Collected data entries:
━━━

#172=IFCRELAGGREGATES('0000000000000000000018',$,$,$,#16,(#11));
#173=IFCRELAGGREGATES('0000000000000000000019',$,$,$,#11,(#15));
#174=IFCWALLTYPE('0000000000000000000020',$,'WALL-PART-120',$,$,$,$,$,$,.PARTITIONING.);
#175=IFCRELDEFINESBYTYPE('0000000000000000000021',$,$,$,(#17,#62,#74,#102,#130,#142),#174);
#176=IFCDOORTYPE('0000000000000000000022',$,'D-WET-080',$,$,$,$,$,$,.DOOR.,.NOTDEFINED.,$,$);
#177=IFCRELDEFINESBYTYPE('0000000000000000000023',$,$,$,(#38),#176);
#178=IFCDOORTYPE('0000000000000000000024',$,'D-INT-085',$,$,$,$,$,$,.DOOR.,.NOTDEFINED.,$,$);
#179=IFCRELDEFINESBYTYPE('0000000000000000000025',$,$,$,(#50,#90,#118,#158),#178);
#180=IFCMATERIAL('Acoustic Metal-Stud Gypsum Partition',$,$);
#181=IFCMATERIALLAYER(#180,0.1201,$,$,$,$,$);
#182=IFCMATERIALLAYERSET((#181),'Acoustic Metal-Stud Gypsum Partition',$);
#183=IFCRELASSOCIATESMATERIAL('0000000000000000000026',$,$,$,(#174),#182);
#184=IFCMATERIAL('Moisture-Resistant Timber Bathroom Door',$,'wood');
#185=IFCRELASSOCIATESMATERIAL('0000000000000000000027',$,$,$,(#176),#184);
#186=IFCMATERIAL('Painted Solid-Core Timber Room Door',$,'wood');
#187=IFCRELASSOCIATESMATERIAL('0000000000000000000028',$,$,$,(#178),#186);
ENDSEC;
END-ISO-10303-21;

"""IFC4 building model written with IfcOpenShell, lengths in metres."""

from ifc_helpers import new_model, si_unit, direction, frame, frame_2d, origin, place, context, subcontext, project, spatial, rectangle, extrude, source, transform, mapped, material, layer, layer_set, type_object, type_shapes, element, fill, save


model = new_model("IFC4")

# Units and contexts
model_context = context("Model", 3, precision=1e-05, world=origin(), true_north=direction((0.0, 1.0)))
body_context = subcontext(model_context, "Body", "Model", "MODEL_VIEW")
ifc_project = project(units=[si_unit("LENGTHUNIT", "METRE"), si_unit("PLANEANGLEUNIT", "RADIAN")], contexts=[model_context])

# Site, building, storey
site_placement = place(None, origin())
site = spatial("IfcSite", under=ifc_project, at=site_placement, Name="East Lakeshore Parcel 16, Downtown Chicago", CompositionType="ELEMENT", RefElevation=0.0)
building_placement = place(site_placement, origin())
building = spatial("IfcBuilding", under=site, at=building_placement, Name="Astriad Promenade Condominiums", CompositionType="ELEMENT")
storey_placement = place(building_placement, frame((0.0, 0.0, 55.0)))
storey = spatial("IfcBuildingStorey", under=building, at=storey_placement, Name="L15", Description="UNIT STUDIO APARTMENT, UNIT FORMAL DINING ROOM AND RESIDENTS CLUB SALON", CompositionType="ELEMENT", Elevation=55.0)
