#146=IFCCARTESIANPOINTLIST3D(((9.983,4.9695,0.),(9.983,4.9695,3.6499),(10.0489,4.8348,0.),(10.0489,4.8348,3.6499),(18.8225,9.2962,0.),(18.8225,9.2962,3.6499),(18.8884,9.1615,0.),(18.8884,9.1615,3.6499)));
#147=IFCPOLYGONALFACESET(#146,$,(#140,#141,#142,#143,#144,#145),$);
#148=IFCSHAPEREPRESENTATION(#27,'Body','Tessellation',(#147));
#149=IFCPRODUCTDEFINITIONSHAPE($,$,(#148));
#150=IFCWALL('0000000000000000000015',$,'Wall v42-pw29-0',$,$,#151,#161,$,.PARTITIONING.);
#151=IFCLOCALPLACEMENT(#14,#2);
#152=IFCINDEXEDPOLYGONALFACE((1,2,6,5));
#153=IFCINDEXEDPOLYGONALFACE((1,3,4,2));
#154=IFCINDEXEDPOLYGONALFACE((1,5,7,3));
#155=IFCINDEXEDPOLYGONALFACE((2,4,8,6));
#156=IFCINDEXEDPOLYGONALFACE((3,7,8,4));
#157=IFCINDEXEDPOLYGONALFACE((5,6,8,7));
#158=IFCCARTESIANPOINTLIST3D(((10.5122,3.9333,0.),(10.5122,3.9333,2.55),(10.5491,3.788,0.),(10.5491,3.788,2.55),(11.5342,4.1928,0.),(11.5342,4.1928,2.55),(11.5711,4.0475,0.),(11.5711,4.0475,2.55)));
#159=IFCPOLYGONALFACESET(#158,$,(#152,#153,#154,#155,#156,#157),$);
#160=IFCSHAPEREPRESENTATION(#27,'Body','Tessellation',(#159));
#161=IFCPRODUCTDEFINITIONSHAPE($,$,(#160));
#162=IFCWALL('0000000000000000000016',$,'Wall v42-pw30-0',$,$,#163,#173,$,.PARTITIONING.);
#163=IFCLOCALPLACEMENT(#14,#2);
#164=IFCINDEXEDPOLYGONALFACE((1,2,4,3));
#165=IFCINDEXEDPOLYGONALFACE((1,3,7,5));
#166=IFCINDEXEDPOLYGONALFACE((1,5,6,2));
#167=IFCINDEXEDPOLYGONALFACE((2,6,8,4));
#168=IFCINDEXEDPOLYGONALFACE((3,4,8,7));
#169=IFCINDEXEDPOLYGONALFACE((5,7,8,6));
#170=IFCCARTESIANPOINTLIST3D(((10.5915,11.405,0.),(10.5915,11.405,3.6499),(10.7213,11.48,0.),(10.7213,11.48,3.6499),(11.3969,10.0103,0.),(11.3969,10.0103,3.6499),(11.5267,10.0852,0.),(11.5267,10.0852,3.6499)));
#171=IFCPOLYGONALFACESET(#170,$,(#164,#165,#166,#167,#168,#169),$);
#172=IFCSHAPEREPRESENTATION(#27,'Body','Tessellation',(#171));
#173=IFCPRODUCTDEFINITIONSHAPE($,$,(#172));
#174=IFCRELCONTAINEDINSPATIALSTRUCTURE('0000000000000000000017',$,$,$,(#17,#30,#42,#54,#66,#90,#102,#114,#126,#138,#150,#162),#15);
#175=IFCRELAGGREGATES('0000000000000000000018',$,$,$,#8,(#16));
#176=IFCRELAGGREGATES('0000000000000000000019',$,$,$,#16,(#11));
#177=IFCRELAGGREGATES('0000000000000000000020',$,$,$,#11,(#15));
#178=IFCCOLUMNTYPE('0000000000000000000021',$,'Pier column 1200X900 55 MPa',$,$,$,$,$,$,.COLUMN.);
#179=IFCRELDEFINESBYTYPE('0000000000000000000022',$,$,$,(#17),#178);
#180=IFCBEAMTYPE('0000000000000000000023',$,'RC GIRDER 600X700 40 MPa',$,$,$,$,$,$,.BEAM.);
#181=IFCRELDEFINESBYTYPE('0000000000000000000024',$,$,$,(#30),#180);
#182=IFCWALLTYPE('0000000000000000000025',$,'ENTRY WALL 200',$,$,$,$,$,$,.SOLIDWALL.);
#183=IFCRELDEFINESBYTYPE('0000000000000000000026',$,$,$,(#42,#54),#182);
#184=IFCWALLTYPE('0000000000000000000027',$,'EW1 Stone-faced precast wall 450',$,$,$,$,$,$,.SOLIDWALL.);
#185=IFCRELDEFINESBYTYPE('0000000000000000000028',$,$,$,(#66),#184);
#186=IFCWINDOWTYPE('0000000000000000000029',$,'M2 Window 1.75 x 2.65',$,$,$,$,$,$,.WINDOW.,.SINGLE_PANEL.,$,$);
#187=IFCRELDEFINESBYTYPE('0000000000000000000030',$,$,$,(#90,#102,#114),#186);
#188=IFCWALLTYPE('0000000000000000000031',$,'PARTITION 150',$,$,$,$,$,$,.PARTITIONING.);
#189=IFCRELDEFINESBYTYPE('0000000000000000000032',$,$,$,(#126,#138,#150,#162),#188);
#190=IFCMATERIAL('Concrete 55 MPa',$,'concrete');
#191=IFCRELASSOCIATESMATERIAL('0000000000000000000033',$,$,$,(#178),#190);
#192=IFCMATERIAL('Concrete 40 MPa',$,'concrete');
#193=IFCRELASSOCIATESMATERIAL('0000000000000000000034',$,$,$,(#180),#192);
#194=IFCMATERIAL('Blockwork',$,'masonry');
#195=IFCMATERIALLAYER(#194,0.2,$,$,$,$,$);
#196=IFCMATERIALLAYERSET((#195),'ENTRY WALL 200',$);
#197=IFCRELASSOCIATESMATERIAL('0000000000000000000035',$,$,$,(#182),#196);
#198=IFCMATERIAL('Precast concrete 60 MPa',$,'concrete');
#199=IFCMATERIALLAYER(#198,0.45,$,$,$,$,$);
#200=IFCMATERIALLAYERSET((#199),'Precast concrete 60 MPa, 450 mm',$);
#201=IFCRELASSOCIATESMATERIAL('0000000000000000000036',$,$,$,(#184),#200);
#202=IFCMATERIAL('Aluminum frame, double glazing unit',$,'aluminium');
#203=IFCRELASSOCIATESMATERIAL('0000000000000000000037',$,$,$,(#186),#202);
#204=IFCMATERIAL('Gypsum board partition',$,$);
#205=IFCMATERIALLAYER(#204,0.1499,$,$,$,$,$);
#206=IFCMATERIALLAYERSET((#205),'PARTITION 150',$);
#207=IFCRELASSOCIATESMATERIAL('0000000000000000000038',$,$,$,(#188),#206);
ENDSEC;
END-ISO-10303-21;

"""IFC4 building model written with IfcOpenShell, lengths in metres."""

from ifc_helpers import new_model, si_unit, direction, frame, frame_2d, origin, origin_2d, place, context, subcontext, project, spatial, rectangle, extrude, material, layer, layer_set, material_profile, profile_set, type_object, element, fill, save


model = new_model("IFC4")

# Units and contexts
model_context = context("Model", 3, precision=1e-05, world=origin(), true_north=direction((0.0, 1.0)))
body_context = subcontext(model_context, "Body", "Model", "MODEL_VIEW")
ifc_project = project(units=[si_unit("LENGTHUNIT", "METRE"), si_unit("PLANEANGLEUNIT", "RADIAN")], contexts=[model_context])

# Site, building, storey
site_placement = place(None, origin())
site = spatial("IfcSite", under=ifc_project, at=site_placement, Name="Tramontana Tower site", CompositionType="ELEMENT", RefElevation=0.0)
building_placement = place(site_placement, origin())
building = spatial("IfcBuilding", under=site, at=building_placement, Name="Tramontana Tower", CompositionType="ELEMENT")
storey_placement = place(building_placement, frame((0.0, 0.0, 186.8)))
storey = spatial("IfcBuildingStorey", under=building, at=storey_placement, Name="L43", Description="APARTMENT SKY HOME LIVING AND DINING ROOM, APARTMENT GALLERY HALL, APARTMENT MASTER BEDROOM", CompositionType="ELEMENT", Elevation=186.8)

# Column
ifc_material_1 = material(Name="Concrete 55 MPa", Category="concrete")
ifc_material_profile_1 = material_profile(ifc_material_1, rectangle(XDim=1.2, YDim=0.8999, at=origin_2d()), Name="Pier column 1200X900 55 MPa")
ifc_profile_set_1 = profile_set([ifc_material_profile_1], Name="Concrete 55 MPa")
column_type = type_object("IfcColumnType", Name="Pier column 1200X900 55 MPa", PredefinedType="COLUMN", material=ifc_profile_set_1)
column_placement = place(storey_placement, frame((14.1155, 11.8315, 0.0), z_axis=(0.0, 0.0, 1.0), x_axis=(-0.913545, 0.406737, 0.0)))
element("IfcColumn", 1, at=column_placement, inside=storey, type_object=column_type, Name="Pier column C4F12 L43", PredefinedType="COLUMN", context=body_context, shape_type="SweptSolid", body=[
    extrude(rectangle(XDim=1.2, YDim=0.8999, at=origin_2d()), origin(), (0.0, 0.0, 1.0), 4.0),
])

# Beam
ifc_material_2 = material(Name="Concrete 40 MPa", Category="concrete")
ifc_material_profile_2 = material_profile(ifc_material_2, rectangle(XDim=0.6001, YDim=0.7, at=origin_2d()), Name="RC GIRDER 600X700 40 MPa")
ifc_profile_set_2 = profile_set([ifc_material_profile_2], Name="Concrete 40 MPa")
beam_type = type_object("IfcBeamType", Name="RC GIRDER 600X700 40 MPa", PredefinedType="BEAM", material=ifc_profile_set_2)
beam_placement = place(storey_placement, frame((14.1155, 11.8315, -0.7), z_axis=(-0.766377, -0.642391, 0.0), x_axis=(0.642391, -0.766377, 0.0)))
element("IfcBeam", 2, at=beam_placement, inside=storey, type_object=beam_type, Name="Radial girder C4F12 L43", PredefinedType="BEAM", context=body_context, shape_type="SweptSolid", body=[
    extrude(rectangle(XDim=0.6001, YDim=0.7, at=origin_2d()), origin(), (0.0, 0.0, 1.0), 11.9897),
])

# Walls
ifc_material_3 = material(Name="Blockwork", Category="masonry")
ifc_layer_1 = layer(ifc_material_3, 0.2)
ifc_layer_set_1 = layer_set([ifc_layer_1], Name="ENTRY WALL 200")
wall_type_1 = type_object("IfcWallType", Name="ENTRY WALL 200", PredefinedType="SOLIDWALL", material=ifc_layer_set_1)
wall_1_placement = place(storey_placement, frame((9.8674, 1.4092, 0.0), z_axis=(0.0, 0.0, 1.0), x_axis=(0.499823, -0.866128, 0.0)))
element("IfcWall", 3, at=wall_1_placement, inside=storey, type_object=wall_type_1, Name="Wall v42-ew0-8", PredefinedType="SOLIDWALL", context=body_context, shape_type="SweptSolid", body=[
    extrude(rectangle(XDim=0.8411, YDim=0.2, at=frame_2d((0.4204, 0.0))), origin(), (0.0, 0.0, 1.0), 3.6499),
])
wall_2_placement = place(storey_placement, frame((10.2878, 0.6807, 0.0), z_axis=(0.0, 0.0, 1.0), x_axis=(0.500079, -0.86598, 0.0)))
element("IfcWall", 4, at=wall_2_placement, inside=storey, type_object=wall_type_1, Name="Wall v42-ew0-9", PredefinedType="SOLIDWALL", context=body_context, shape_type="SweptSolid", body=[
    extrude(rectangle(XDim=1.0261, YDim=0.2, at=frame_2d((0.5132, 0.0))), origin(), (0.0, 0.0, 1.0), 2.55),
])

━━━

◆ **What is needed**:
Set down, exactly as they appear, the lines above from the first one to the line that holds "type_shapes, element, fill, save", both included, please, and no others.

◆ **Reply to the task**:
#172=IFCRELAGGREGATES('0000000000000000000018',$,$,$,#16,(#11));
#173=IFCRELAGGREGATES('0000000000000000000019',$,$,$,#11,(#15));
#174=IFCWALLTYPE('0000000000000000000020',$,'WALL-PART-120',$,$,$,$,$,$,.PARTITIONING.);
#175=IFCRELDEFINESBYTYPE('0000000000000000000021',$,$,$,(#17,#62,#74,#102,#130,#142),#174);
#176=IFCDOORTYPE('0000000000000000000022',$,'D-WET-080',$,$,$,$,$,$,.DOOR.,.NOTDEFINED.,$,$);
#177=IFCRELDEFINESBYTYPE('0000000000000000000023',$,$,$,(#38),#176);
#178=IFCDOORTYPE('0000000000000000000024',$,'D-INT-085',$,$,$,$,$,$,.DOOR.,.NOTDEFINED.,$,$);
#179=IFCRELDEFINESBYTYPE('0000000000000000000025',$,$,$,(#50,#90,#118,#158),#178);
#180=IFCMATERIAL('Acoustic Metal-Stud Gypsum Partition',$,$);
#181=IFCMATERIALLAYER(#180,0.1201,$,$,$,$,$);
#182=IFCMATERIALLAYERSET((#181),'Acoustic Metal-Stud Gypsum Partition',$);
#183=IFCRELASSOCIATESMATERIAL('0000000000000000000026',$,$,$,(#174),#182);
#184=IFCMATERIAL('Moisture-Resistant Timber Bathroom Door',$,'wood');
#185=IFCRELASSOCIATESMATERIAL('0000000000000000000027',$,$,$,(#176),#184);
#186=IFCMATERIAL('Painted Solid-Core Timber Room Door',$,'wood');
#187=IFCRELASSOCIATESMATERIAL('0000000000000000000028',$,$,$,(#178),#186);
ENDSEC;
END-ISO-10303-21;

"""IFC4 building model written with IfcOpenShell, lengths in metres."""

from ifc_helpers import new_model, si_unit, direction, frame, frame_2d, origin, place, context, subcontext, project, spatial, rectangle, extrude, source, transform, mapped, material, layer, layer_set, type_object, type_shapes, element, fill, save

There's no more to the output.